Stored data
———
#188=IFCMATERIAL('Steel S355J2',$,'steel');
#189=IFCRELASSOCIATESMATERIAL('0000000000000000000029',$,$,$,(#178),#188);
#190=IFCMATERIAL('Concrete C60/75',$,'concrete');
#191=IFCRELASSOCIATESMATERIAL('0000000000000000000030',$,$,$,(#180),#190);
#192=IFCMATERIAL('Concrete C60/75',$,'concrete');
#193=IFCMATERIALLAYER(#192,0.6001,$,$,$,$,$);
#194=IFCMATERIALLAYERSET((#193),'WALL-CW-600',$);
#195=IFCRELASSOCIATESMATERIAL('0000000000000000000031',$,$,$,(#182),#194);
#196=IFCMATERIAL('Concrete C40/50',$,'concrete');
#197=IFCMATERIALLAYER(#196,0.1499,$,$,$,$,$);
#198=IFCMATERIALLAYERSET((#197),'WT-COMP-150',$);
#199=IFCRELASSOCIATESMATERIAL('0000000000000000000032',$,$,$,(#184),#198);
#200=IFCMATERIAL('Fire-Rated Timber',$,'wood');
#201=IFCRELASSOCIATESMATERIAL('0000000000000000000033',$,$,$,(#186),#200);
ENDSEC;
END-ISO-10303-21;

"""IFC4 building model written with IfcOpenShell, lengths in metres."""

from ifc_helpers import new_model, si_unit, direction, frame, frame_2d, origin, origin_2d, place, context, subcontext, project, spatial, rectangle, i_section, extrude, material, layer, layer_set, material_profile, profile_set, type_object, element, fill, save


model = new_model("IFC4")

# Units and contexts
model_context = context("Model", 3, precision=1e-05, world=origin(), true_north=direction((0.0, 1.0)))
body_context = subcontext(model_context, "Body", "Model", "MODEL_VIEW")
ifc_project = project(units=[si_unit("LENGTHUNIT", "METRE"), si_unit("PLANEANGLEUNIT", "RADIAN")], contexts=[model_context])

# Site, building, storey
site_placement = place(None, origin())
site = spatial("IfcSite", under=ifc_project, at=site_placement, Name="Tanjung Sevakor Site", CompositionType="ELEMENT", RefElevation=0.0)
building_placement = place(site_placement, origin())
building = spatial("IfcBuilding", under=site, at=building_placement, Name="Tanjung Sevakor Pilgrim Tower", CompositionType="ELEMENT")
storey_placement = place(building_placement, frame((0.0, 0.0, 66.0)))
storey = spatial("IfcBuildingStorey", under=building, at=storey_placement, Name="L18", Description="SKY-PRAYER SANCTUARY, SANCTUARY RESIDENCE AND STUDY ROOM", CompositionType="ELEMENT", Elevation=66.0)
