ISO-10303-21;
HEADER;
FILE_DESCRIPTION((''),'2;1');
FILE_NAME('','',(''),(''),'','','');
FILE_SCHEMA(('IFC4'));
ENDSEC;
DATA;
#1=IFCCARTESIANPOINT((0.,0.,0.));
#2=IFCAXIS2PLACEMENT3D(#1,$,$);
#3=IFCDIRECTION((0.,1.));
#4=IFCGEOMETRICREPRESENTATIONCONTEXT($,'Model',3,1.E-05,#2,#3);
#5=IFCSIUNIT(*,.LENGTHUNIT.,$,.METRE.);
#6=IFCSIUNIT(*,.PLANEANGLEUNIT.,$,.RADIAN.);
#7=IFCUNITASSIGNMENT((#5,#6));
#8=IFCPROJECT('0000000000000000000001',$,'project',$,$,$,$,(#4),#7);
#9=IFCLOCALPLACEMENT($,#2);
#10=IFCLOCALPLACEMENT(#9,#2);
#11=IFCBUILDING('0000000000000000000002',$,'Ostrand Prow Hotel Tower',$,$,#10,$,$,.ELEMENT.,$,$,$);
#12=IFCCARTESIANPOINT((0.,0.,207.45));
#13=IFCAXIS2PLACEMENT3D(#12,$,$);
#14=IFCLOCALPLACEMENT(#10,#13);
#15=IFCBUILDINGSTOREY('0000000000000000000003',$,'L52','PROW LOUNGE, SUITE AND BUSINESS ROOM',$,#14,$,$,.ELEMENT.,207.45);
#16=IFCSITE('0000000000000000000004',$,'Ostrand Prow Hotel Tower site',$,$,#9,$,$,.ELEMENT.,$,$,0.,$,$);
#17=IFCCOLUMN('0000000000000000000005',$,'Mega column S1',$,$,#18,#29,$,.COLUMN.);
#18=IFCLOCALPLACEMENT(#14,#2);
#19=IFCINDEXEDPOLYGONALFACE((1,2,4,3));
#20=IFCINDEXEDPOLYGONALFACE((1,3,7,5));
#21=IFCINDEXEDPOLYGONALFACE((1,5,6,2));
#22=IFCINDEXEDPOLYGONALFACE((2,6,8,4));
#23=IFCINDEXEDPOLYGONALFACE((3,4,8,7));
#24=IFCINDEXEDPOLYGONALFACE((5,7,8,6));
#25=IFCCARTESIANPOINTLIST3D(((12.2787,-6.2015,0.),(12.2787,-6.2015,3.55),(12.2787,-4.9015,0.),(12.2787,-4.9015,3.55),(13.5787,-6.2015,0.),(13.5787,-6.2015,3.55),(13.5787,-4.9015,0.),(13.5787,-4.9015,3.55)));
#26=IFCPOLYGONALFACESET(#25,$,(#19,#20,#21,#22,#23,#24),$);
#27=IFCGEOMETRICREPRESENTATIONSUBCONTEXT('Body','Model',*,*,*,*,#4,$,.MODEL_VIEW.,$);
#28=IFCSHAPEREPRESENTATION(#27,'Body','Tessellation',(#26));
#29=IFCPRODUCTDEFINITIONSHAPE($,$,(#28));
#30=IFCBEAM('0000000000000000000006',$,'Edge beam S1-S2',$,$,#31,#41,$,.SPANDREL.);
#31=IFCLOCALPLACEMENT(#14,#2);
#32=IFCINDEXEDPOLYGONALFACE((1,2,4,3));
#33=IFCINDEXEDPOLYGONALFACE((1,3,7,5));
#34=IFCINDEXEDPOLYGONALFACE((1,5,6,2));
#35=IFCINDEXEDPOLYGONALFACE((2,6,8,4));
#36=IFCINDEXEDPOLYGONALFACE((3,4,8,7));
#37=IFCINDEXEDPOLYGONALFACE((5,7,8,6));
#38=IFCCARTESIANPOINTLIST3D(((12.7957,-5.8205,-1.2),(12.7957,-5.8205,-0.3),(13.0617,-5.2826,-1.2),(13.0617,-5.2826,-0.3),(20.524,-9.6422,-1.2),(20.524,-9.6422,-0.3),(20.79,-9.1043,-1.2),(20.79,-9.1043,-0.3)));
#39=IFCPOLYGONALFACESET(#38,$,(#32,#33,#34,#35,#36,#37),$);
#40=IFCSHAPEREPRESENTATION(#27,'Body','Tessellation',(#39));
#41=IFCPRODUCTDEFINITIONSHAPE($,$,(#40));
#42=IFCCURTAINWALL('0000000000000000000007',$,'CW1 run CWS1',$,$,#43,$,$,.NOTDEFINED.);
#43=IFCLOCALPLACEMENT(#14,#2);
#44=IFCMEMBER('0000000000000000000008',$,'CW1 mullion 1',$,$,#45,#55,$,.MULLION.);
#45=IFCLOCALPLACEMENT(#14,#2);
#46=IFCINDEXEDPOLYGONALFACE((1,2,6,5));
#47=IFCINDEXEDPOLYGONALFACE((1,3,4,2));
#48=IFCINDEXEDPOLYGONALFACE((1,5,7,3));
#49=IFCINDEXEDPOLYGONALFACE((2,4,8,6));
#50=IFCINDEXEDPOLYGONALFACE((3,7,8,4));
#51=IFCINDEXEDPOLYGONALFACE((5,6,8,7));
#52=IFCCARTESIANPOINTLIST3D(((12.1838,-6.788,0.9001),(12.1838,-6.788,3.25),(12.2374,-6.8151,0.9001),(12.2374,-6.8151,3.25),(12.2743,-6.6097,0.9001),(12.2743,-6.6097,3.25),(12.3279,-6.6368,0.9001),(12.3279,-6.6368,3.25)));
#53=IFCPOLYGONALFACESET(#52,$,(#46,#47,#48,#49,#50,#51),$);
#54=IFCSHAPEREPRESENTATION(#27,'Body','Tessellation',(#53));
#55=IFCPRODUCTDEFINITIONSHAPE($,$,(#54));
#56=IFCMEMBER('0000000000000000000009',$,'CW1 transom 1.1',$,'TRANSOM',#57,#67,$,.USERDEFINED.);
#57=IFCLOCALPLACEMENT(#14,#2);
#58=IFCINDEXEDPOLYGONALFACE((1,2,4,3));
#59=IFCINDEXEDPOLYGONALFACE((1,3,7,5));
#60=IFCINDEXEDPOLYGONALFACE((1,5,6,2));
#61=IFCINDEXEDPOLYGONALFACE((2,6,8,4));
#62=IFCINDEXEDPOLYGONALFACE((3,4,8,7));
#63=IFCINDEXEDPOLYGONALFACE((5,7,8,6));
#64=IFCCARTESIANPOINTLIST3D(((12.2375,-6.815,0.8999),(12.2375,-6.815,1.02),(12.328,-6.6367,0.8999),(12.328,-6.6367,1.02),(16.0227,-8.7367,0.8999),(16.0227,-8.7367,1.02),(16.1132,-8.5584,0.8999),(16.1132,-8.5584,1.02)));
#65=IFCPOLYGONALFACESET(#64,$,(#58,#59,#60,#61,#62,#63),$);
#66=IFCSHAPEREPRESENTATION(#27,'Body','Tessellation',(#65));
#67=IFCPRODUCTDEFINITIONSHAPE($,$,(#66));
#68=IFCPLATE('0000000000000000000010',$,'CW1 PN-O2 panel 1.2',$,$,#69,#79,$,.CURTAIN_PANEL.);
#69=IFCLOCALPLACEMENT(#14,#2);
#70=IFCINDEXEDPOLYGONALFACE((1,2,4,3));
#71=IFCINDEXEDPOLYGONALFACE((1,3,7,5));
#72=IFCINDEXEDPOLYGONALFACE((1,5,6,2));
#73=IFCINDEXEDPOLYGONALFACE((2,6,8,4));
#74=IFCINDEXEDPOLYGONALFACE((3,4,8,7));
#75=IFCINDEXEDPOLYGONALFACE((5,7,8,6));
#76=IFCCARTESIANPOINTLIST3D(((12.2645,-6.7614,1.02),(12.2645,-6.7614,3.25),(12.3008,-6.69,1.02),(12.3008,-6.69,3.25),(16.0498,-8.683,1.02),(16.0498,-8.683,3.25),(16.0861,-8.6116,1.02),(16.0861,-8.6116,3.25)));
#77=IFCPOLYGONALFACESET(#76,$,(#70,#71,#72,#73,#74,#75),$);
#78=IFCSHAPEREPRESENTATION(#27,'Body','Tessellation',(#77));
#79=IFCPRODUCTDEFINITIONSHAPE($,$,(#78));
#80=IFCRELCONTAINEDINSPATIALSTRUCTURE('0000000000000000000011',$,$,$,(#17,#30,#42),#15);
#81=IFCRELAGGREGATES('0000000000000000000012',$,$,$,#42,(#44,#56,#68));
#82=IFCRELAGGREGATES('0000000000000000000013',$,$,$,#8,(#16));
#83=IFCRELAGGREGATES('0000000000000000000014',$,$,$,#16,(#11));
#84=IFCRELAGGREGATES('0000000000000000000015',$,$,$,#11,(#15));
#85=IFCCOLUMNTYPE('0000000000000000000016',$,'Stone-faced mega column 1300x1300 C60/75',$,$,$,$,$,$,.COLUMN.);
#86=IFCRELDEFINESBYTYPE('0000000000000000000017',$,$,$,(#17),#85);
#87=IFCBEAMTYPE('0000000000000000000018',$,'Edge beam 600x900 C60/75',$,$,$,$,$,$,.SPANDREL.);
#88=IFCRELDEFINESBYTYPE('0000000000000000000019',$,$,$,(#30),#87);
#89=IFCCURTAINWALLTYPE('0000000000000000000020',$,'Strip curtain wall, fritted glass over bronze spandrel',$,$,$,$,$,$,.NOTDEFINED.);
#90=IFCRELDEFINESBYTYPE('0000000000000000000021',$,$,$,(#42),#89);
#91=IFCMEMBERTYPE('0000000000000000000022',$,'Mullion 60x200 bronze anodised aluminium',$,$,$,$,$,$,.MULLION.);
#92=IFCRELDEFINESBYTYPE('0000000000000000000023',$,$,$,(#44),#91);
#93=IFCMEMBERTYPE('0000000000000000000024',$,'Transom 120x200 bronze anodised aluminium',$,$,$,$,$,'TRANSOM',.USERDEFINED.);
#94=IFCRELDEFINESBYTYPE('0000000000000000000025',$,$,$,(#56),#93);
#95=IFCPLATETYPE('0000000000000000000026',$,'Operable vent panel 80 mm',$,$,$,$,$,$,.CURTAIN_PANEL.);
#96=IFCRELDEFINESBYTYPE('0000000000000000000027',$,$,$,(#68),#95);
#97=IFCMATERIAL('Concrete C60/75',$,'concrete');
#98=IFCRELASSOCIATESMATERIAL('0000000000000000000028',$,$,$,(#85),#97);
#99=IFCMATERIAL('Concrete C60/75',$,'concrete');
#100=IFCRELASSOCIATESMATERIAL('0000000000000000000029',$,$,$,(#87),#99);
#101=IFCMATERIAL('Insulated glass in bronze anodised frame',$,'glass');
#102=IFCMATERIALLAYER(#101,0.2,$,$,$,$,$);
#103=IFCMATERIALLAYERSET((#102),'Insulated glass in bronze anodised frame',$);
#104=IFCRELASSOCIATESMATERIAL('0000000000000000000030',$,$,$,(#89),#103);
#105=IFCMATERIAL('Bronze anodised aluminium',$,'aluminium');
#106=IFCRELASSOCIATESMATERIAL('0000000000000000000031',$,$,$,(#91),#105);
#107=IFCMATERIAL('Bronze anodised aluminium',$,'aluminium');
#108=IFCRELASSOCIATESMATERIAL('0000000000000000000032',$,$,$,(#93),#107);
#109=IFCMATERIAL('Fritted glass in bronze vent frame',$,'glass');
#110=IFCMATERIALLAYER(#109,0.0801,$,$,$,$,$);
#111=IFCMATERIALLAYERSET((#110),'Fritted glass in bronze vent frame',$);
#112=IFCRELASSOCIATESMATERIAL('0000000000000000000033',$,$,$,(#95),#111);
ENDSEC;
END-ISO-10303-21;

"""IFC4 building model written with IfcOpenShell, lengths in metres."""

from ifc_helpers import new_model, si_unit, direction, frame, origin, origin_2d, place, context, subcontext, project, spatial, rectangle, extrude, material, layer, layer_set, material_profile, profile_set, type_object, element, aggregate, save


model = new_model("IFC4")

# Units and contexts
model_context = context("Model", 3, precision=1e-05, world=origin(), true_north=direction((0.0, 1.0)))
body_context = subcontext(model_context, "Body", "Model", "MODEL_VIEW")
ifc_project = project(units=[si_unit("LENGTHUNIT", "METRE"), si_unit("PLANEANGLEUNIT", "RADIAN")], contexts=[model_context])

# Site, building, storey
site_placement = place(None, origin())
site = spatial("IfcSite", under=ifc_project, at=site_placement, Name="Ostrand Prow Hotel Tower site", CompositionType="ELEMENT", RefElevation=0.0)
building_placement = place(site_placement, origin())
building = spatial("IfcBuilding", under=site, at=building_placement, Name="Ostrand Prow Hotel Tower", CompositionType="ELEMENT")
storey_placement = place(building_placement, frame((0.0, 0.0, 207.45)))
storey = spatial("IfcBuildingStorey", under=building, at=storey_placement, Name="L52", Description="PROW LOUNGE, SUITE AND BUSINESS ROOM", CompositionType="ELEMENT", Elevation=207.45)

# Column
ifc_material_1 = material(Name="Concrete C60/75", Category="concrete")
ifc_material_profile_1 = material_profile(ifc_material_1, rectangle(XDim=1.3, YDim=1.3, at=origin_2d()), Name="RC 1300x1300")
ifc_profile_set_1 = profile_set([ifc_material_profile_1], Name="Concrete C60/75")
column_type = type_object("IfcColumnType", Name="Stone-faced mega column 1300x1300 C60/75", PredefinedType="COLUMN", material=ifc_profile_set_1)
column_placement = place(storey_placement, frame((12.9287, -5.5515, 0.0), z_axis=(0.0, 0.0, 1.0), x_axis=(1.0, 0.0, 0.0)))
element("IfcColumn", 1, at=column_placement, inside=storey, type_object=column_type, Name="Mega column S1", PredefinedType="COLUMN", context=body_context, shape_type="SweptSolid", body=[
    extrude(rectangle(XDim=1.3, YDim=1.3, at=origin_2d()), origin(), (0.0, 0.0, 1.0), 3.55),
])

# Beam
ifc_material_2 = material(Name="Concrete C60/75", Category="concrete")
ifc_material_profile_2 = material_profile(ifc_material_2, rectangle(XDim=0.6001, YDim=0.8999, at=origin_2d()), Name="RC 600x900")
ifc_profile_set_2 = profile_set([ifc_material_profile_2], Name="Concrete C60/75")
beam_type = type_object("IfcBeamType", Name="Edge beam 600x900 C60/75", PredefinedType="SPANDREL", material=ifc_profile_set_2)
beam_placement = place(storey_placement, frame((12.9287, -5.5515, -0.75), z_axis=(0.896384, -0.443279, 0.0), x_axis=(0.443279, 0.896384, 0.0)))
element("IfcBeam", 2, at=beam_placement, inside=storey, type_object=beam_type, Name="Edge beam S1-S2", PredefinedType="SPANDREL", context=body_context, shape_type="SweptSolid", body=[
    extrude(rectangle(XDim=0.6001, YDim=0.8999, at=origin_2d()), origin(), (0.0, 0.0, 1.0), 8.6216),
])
———
In the entries above, find the line with "#23=IFCINDEXEDPOLYGONALFACE((3,4,8,7));" and the line with "#26=IFCPOLYGONALFACESET(#25,$,(#19,#20,#21,#22,#23,#24),$);", then restate word for word both of them and every line between, with nothing more.

Response to this task:
#23=IFCINDEXEDPOLYGONALFACE((3,4,8,7));
#24=IFCINDEXEDPOLYGONALFACE((5,7,8,6));
#25=IFCCARTESIANPOINTLIST3D(((12.2787,-6.2015,0.),(12.2787,-6.2015,3.55),(12.2787,-4.9015,0.),(12.2787,-4.9015,3.55),(13.5787,-6.2015,0.),(13.5787,-6.2015,3.55),(13.5787,-4.9015,0.),(13.5787,-4.9015,3.55)));
#26=IFCPOLYGONALFACESET(#25,$,(#19,#20,#21,#22,#23,#24),$);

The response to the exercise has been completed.